YOUR TASK: The following data has a line with "#179=IFCINDEXEDPOLYGONALFACE((46,48,52,50));" and a line with "#186=IFCINDEXEDPOLYGONALFACE((61,66,70,63));". Write out exactly those lines and all the lines between them.

Stored data entries:
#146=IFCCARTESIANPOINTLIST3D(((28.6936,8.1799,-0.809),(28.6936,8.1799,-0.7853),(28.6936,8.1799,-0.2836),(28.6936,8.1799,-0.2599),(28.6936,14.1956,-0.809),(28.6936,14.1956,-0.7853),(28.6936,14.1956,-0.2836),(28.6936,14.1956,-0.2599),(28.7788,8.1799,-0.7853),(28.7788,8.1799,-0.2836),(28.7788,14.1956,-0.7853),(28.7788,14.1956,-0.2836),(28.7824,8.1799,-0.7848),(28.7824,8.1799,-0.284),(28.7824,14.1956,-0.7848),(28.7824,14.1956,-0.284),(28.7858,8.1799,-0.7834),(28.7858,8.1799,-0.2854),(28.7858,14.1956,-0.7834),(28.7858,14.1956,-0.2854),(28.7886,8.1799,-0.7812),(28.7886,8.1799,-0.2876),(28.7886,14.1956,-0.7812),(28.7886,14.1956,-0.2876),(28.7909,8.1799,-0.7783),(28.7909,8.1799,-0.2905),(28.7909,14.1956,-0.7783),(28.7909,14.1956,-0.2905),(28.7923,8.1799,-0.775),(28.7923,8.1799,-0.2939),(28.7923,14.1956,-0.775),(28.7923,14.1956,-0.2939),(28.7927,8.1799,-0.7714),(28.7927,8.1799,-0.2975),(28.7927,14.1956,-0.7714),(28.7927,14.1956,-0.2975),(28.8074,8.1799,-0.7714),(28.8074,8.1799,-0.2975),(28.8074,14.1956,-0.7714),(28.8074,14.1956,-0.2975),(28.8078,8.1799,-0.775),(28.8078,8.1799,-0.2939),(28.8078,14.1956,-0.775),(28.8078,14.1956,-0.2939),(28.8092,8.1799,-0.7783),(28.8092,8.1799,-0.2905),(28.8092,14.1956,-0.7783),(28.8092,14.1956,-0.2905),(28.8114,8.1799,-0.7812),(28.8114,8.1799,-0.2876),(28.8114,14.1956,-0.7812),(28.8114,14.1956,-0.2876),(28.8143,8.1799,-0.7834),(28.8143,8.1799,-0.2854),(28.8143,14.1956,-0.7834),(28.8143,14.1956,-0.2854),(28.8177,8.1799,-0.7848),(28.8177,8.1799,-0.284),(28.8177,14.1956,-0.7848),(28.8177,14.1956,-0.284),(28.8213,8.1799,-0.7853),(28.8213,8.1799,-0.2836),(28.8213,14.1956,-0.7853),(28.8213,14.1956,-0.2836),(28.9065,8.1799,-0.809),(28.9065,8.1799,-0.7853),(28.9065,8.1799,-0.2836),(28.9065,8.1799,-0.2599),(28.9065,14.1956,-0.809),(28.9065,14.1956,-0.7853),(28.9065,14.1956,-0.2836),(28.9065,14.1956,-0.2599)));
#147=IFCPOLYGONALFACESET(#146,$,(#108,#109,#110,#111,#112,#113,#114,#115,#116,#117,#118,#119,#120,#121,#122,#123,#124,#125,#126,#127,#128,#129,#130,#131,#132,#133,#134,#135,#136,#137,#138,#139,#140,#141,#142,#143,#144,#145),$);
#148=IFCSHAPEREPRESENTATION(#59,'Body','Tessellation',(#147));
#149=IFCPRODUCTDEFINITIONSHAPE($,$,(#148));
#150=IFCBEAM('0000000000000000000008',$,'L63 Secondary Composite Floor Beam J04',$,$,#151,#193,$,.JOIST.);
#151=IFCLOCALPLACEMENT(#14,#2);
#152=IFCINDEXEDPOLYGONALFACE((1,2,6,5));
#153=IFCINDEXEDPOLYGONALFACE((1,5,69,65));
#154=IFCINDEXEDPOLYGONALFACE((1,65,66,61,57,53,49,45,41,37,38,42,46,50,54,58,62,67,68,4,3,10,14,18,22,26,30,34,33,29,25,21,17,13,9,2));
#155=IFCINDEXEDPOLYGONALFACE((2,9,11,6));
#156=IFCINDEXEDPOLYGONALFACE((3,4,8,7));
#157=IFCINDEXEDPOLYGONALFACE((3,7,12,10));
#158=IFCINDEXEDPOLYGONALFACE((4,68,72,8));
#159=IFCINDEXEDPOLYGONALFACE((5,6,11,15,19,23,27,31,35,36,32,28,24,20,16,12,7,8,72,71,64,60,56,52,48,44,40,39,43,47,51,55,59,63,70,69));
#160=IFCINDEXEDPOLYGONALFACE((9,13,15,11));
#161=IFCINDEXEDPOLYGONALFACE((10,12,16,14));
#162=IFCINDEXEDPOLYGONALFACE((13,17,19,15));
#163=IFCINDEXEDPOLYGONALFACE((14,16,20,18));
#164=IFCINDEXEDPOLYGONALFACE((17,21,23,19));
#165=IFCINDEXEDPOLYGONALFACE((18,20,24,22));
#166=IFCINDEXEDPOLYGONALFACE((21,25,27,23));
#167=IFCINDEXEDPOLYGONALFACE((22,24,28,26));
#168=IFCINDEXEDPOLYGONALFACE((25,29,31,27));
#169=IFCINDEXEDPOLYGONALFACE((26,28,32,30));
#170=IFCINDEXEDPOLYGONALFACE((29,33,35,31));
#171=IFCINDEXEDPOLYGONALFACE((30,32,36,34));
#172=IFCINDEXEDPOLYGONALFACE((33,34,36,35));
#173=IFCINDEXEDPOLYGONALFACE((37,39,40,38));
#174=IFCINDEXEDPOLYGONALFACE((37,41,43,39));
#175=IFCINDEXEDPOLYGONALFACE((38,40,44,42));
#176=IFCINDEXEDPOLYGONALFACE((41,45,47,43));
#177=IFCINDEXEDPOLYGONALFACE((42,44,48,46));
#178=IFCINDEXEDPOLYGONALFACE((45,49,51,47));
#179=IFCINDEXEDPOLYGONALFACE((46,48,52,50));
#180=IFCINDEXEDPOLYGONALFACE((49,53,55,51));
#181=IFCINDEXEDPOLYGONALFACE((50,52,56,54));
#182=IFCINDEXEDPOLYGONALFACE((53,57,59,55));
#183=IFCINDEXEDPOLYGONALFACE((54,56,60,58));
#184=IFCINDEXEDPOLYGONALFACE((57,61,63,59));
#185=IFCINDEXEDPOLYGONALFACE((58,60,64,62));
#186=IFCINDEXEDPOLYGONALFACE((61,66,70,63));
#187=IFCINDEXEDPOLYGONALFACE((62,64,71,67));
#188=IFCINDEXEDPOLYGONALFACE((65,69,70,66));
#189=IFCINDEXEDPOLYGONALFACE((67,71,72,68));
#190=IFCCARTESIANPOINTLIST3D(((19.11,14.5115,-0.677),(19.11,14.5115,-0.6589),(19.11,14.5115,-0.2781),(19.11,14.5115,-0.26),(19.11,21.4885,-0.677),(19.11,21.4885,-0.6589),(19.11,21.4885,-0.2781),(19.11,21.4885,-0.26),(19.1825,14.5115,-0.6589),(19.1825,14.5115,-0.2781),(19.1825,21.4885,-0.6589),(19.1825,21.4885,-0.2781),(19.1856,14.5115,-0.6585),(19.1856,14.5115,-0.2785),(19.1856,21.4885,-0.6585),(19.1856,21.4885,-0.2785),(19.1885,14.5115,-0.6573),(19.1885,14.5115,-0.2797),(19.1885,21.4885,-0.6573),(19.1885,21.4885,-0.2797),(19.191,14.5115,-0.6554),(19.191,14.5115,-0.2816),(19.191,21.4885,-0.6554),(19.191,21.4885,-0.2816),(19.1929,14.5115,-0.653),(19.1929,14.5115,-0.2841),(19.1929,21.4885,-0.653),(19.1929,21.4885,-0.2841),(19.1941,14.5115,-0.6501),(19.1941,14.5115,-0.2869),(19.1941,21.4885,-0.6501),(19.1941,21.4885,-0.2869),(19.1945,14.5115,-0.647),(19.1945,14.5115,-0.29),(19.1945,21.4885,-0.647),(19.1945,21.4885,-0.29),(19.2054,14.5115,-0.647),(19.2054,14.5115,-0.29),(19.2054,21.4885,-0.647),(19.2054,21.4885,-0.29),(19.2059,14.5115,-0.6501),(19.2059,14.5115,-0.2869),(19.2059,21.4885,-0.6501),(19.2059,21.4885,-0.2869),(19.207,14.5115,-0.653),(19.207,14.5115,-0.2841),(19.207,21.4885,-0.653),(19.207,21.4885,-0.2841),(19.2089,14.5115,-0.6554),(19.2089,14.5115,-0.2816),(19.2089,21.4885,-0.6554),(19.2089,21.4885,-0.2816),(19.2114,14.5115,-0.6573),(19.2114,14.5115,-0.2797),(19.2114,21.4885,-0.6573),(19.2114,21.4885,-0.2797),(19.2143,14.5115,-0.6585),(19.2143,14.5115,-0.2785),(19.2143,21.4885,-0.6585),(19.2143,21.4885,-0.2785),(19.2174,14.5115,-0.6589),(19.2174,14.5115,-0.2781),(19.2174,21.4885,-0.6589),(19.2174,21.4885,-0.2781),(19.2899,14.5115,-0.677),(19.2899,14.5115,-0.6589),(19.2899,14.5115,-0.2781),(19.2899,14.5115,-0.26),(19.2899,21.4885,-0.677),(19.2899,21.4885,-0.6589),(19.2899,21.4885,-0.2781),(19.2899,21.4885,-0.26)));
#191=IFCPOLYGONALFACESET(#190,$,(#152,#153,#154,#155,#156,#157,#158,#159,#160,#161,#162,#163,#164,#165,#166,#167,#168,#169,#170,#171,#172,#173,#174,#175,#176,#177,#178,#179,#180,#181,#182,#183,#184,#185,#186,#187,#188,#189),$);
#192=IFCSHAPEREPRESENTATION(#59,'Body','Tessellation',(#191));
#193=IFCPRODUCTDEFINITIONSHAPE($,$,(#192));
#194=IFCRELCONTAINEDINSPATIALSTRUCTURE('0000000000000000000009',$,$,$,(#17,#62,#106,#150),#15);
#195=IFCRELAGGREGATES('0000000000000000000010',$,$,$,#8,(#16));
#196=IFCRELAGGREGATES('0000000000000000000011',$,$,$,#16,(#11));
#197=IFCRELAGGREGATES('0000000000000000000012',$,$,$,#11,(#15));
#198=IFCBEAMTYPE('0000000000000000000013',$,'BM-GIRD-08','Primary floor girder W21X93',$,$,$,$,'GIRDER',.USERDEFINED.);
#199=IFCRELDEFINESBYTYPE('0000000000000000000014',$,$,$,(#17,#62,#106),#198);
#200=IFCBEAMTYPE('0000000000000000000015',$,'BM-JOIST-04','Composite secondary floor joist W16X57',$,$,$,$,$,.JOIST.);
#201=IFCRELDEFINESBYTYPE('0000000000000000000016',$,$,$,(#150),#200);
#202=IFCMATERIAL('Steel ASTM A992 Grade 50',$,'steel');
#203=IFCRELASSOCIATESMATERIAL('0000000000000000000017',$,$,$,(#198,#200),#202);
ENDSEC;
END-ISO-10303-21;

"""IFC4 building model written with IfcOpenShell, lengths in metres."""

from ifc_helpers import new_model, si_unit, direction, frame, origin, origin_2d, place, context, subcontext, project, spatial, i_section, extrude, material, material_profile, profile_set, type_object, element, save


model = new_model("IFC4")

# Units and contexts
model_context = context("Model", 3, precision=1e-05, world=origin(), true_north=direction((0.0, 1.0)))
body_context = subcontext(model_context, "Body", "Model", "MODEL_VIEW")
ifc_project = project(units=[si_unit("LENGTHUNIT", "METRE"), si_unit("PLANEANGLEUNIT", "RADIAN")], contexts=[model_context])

TASK ANSWER:
#179=IFCINDEXEDPOLYGONALFACE((46,48,52,50));
#180=IFCINDEXEDPOLYGONALFACE((49,53,55,51));
#181=IFCINDEXEDPOLYGONALFACE((50,52,56,54));
#182=IFCINDEXEDPOLYGONALFACE((53,57,59,55));
#183=IFCINDEXEDPOLYGONALFACE((54,56,60,58));
#184=IFCINDEXEDPOLYGONALFACE((57,61,63,59));
#185=IFCINDEXEDPOLYGONALFACE((58,60,64,62));
#186=IFCINDEXEDPOLYGONALFACE((61,66,70,63));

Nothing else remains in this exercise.